*WHAT IS BEING ASKED*.
In the entries that follow, find the line containing "#184=IFCINDEXEDPOLYGONALFACE((57,58,62,61));"; from there, copy every line exactly through the line containing "#189=IFCINDEXEDPOLYGONALFACE((69,71,72,70));".

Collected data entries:
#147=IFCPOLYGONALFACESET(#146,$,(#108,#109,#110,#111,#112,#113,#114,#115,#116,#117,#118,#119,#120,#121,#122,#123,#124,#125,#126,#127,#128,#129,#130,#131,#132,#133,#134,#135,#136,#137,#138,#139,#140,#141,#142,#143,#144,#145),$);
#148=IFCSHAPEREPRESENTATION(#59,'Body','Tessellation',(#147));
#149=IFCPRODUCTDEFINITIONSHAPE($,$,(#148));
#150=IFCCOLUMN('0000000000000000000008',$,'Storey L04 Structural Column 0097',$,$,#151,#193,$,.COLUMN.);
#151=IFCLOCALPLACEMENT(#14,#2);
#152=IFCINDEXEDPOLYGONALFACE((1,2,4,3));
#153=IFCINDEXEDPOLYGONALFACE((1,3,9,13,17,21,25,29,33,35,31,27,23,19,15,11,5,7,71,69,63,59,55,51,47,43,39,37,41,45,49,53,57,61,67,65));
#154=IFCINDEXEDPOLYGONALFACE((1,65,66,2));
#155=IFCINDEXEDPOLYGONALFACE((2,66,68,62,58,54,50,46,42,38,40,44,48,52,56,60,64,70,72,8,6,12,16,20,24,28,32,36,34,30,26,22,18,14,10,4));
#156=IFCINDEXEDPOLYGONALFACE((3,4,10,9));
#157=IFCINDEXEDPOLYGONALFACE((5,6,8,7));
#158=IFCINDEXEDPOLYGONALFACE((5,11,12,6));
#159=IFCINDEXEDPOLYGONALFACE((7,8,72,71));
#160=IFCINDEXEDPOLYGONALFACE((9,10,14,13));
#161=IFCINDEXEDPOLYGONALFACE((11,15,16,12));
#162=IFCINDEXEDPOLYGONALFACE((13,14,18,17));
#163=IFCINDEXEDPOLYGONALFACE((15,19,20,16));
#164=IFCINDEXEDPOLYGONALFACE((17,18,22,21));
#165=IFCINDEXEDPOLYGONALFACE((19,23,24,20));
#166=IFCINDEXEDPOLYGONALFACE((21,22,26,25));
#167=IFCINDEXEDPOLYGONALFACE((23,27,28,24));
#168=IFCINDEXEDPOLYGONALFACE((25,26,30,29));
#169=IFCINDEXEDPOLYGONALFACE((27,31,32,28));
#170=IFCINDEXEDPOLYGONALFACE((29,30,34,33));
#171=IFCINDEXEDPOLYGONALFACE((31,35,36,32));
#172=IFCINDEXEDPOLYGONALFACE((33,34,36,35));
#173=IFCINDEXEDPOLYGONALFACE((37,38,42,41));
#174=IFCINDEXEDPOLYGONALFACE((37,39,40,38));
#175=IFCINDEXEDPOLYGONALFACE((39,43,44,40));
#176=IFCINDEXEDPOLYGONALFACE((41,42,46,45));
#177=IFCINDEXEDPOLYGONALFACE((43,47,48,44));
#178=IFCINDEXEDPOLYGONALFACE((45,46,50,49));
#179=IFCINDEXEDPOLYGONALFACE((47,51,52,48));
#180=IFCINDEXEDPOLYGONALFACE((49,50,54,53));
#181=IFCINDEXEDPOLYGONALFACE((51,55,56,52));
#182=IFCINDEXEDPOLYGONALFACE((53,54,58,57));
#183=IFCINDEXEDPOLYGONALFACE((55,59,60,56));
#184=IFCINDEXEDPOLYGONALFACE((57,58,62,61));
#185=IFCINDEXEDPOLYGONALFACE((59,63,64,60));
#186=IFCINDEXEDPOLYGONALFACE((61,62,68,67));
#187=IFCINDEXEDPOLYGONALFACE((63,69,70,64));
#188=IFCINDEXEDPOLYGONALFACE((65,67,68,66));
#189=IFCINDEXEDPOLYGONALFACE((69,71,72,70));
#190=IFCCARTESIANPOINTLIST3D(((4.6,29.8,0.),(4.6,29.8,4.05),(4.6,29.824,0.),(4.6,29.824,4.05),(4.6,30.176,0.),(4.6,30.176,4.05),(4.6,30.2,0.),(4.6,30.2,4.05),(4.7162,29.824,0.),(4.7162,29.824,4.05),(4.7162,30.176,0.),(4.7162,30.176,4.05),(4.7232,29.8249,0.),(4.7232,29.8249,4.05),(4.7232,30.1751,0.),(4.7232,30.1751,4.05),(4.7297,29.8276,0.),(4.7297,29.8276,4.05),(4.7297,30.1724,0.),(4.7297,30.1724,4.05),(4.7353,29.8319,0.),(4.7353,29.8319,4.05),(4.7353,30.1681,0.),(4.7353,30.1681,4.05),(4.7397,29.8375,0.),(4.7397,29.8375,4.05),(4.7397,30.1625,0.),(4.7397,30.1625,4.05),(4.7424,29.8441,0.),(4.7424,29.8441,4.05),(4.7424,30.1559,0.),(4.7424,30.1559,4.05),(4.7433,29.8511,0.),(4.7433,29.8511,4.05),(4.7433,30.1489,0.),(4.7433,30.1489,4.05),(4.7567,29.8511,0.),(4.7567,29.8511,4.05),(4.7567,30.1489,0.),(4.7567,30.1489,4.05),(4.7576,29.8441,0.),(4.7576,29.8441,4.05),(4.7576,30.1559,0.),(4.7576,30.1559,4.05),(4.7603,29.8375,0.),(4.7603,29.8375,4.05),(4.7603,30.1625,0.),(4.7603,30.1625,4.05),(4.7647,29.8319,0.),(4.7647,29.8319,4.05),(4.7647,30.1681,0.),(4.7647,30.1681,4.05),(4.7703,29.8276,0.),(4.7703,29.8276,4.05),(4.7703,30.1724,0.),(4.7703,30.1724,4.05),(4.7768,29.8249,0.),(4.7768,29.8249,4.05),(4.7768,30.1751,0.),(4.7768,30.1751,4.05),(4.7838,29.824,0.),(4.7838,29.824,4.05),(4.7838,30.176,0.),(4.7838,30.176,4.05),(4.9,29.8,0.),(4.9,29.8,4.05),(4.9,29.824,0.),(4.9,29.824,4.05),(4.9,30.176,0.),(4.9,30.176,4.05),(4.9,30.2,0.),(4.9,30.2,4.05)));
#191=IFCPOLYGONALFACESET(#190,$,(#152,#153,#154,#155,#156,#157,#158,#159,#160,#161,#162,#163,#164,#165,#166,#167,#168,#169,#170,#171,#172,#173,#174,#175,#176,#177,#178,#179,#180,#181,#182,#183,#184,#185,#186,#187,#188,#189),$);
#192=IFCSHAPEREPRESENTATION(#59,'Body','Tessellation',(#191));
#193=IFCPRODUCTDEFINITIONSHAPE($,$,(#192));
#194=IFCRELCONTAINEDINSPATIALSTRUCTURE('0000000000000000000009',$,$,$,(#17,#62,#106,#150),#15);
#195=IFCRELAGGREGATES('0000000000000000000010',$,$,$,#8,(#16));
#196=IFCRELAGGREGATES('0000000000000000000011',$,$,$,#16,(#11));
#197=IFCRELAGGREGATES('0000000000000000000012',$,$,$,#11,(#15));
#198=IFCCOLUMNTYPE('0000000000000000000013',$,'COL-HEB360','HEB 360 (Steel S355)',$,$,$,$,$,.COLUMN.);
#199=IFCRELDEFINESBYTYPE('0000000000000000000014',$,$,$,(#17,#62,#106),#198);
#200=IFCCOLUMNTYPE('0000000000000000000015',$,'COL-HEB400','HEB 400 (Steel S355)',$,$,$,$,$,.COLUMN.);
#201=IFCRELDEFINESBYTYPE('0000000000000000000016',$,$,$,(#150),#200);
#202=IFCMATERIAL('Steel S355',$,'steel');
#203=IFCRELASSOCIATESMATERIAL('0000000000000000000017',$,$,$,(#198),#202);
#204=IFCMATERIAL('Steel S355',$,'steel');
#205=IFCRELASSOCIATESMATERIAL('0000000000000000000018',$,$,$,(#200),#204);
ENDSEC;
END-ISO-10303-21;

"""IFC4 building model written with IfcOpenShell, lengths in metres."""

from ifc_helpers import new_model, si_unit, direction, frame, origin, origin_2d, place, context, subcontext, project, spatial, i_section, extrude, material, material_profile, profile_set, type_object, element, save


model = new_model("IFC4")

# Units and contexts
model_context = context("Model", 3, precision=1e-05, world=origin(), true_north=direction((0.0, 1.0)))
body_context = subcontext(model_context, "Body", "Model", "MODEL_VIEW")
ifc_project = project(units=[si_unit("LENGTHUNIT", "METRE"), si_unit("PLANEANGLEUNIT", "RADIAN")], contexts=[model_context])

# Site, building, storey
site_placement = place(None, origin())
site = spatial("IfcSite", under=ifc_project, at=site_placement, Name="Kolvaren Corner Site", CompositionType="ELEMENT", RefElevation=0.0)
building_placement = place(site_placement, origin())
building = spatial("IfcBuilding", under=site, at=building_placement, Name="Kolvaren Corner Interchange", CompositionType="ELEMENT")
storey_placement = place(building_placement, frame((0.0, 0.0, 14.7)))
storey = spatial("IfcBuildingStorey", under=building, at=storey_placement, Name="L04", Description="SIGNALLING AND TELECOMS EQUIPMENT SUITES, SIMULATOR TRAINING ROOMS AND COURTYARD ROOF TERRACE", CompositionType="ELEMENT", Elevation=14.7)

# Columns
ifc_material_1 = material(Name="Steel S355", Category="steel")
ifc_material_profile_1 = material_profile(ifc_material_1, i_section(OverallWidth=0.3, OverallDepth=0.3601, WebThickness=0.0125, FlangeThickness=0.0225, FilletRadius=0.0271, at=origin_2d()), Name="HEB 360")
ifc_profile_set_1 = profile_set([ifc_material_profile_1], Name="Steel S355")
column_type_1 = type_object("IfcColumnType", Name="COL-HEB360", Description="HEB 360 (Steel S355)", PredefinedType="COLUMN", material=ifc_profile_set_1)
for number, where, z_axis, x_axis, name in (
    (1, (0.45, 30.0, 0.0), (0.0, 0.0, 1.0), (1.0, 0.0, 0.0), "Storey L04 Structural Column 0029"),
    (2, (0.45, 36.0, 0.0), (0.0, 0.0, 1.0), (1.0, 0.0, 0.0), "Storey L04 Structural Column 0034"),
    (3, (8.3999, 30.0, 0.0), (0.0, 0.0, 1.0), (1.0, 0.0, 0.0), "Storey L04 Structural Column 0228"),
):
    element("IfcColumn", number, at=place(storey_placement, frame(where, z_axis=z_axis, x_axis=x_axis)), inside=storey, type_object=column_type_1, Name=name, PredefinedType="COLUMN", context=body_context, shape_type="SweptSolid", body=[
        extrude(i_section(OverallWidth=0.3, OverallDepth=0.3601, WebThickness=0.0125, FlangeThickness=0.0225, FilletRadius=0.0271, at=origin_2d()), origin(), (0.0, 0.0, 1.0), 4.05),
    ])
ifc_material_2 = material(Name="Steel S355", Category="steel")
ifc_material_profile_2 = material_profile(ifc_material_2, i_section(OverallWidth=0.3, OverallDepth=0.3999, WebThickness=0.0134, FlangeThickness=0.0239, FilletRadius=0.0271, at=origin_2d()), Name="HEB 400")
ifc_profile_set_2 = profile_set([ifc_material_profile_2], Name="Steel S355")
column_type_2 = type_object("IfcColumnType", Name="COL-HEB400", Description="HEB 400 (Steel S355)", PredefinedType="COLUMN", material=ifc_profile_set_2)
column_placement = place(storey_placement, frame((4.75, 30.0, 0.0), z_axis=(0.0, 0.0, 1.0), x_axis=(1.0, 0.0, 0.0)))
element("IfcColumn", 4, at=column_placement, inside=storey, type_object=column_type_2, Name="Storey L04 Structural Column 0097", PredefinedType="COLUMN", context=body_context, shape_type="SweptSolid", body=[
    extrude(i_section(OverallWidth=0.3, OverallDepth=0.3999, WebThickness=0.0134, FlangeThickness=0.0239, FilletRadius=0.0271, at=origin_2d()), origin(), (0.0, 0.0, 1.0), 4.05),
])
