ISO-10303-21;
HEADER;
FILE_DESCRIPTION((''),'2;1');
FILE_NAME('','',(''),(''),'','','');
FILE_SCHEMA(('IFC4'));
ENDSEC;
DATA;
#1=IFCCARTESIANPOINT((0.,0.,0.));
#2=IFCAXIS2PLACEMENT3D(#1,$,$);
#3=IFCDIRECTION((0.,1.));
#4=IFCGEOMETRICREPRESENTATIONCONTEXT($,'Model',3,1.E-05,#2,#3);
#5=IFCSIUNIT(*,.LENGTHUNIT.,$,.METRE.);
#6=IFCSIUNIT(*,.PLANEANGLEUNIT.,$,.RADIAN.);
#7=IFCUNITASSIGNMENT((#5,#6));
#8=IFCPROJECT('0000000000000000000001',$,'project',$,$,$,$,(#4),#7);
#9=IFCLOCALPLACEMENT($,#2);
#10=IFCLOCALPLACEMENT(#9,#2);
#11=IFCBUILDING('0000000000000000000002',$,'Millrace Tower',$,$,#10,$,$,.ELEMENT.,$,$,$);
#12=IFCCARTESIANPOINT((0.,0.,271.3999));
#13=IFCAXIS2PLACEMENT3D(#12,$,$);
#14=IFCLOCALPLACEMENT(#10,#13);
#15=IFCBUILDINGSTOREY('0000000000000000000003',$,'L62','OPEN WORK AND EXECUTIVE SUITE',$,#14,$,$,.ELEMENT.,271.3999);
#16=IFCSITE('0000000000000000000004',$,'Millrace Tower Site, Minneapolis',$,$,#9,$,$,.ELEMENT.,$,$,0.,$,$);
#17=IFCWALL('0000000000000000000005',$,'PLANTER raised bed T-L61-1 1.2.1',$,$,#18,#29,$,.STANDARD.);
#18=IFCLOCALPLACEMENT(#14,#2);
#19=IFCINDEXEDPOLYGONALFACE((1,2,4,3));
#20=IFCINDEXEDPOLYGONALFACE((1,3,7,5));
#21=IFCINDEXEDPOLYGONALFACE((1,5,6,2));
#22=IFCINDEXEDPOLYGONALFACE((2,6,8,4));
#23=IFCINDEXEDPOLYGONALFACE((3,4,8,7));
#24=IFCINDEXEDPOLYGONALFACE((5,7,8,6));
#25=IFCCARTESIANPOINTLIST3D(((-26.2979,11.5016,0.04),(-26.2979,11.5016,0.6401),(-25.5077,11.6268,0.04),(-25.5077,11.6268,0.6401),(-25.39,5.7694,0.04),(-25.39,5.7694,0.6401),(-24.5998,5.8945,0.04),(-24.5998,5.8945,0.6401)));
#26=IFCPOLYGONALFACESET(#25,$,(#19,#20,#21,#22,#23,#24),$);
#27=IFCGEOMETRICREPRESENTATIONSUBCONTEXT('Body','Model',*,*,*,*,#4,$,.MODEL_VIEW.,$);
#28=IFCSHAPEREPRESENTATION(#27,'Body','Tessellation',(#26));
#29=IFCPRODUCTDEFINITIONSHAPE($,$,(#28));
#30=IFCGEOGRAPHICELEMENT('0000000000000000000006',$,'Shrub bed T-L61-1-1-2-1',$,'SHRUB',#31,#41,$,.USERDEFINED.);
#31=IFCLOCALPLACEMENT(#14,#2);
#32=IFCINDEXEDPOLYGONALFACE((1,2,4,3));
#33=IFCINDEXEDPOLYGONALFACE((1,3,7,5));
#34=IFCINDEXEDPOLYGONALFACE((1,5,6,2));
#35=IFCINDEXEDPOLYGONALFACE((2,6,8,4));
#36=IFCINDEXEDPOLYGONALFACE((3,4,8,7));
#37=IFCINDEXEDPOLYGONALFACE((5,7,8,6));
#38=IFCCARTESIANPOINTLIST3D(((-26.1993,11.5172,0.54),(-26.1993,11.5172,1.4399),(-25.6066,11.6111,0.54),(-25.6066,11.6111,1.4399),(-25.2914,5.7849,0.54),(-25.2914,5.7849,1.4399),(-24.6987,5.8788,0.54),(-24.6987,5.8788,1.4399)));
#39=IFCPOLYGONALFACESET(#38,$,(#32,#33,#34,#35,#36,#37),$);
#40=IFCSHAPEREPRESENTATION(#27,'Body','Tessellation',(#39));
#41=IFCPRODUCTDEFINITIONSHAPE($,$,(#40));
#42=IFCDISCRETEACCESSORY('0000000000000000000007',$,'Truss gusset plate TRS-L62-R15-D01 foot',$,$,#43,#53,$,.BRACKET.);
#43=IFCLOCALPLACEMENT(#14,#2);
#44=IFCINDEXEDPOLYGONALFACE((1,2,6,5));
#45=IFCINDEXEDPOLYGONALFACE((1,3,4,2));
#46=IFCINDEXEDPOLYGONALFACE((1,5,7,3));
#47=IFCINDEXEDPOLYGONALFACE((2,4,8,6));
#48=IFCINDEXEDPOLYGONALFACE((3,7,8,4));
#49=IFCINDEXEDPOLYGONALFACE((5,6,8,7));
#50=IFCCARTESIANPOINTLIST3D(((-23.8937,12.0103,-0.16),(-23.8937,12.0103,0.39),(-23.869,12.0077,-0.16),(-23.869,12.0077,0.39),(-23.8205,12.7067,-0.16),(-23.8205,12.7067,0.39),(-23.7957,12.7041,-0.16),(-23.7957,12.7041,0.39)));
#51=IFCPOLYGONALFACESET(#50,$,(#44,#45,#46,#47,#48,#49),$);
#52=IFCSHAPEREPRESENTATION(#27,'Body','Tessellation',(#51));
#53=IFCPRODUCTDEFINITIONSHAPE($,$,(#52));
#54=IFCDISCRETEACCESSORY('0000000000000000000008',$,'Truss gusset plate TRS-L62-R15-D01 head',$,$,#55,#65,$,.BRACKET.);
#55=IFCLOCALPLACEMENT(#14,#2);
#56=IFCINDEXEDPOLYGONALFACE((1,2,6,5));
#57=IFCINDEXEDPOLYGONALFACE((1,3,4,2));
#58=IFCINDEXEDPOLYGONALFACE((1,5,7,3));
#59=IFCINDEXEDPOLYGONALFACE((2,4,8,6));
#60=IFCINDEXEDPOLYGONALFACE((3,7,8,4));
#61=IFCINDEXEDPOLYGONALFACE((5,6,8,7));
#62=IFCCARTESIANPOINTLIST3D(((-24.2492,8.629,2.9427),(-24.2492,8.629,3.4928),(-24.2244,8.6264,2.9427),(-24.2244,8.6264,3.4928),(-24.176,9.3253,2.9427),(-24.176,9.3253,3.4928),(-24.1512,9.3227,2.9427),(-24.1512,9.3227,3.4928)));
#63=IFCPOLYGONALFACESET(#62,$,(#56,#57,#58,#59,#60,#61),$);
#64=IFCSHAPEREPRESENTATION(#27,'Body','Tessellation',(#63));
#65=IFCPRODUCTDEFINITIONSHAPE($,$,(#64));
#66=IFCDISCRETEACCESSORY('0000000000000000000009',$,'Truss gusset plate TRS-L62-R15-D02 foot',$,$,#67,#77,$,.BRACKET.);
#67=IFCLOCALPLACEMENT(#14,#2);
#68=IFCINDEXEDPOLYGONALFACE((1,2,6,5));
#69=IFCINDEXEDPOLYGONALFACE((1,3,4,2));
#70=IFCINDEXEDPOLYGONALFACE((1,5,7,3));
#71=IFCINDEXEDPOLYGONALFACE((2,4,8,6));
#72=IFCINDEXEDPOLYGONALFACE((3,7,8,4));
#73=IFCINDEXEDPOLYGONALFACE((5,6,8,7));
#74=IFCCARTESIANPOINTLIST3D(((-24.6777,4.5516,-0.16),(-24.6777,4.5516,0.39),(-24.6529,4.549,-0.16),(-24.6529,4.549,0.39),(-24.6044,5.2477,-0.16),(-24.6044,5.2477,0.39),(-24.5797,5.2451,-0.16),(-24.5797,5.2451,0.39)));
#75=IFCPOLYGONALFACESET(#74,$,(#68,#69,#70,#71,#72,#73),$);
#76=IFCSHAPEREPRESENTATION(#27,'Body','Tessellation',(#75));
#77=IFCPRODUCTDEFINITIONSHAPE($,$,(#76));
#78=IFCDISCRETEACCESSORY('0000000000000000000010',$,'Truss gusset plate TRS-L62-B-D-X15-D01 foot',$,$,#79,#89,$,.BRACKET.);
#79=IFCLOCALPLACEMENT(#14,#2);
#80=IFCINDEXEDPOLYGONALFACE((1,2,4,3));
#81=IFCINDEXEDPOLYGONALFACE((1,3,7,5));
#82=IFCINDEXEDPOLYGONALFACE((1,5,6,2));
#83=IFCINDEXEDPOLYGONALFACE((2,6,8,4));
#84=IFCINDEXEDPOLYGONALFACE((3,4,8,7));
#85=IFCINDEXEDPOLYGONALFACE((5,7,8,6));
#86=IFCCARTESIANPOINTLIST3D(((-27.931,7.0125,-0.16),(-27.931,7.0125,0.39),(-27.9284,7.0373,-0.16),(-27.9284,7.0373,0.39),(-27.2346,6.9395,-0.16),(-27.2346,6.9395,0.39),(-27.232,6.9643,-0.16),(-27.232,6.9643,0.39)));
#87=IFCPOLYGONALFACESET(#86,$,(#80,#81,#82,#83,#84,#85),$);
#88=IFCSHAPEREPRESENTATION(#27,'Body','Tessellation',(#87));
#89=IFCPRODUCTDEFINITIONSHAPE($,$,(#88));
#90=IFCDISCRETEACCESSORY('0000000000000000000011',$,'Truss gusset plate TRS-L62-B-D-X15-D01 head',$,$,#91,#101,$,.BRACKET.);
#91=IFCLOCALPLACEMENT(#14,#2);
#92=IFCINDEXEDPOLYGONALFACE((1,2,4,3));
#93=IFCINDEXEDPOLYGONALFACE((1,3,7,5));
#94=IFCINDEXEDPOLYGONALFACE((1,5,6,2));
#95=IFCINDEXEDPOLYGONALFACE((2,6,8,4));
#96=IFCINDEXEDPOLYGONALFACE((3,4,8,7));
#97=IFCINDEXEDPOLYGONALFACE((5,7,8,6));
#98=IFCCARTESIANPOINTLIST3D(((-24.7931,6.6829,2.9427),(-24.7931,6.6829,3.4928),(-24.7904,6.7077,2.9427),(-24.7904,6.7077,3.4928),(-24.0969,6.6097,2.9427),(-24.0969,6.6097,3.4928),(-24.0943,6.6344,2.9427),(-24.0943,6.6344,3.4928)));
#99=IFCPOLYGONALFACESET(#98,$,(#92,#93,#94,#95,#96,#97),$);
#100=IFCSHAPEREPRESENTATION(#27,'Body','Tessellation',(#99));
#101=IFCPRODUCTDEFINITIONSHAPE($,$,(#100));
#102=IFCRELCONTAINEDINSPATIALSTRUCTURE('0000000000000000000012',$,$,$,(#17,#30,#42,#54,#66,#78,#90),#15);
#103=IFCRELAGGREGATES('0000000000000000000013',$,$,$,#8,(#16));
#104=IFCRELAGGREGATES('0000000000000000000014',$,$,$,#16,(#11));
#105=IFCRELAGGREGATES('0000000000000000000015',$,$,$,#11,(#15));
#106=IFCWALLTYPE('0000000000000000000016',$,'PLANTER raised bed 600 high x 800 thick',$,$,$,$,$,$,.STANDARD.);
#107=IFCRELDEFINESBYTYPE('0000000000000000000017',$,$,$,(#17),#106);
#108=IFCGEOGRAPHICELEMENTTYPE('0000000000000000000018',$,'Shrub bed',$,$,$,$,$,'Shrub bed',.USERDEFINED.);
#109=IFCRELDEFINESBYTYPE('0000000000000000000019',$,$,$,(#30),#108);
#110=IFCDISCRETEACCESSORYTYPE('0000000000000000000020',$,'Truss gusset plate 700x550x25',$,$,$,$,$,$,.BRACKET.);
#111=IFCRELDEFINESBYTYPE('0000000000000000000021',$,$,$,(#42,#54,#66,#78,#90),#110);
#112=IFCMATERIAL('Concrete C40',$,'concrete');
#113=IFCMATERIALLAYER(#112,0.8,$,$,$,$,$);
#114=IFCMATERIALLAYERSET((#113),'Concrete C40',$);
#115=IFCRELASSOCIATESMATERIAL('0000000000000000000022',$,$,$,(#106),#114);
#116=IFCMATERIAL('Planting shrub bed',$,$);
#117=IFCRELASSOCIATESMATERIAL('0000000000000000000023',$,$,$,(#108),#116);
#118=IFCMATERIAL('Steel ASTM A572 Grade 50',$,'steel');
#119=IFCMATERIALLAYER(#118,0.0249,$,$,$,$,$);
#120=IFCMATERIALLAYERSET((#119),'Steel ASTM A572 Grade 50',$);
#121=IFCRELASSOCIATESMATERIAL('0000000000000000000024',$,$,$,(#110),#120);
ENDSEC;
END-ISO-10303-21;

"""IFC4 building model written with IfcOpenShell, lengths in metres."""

from ifc_helpers import new_model, si_unit, direction, frame, frame_2d, origin, origin_2d, place, context, subcontext, project, spatial, rectangle, extrude, material, layer, layer_set, type_object, element, save


model = new_model("IFC4")

# Units and contexts
model_context = context("Model", 3, precision=1e-05, world=origin(), true_north=direction((0.0, 1.0)))
body_context = subcontext(model_context, "Body", "Model", "MODEL_VIEW")
ifc_project = project(units=[si_unit("LENGTHUNIT", "METRE"), si_unit("PLANEANGLEUNIT", "RADIAN")], contexts=[model_context])

# Site, building, storey
site_placement = place(None, origin())
site = spatial("IfcSite", under=ifc_project, at=site_placement, Name="Millrace Tower Site, Minneapolis", CompositionType="ELEMENT", RefElevation=0.0)
building_placement = place(site_placement, origin())
building = spatial("IfcBuilding", under=site, at=building_placement, Name="Millrace Tower", CompositionType="ELEMENT")
storey_placement = place(building_placement, frame((0.0, 0.0, 271.3999)))
storey = spatial("IfcBuildingStorey", under=building, at=storey_placement, Name="L62", Description="OPEN WORK AND EXECUTIVE SUITE", CompositionType="ELEMENT", Elevation=271.3999)

# Wall
ifc_material_1 = material(Name="Concrete C40", Category="concrete")
ifc_layer_1 = layer(ifc_material_1, 0.8)
ifc_layer_set_1 = layer_set([ifc_layer_1], Name="Concrete C40")
wall_type = type_object("IfcWallType", Name="PLANTER raised bed 600 high x 800 thick", PredefinedType="STANDARD", material=ifc_layer_set_1)
wall_placement = place(storey_placement, frame((-25.9028, 11.5642, 0.04), z_axis=(0.0, 0.0, 1.0), x_axis=(0.156446, -0.987686, 0.0)))
element("IfcWall", 1, at=wall_placement, inside=storey, type_object=wall_type, Name="PLANTER raised bed T-L61-1 1.2.1", PredefinedType="STANDARD", context=body_context, shape_type="SweptSolid", body=[
    extrude(rectangle(XDim=5.8037, YDim=0.8, at=frame_2d((2.9019, 0.0))), origin(), (0.0, 0.0, 1.0), 0.6001),
])

# Geographic element
ifc_material_2 = material(Name="Planting shrub bed")
geographic_element_type = type_object("IfcGeographicElementType", Name="Shrub bed", ElementType="Shrub bed", PredefinedType="USERDEFINED", material=ifc_material_2)
geographic_element_placement = place(storey_placement, frame((-25.449, 8.698, 0.54), z_axis=(0.0, 0.0, 1.0), x_axis=(0.156434, -0.987688, 0.0)))
element("IfcGeographicElement", 2, at=geographic_element_placement, inside=storey, type_object=geographic_element_type, Name="Shrub bed T-L61-1-1-2-1", ObjectType="SHRUB", PredefinedType="USERDEFINED", context=body_context, shape_type="SweptSolid", body=[
    extrude(rectangle(XDim=5.8037, YDim=0.6001, at=origin_2d()), origin(), (0.0, 0.0, 1.0), 0.8999),
])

*WRITTEN SOLUTION*.
#184=IFCINDEXEDPOLYGONALFACE((57,58,62,61));
#185=IFCINDEXEDPOLYGONALFACE((59,63,64,60));
#186=IFCINDEXEDPOLYGONALFACE((61,62,68,67));
#187=IFCINDEXEDPOLYGONALFACE((63,69,70,64));
#188=IFCINDEXEDPOLYGONALFACE((65,67,68,66));
#189=IFCINDEXEDPOLYGONALFACE((69,71,72,70));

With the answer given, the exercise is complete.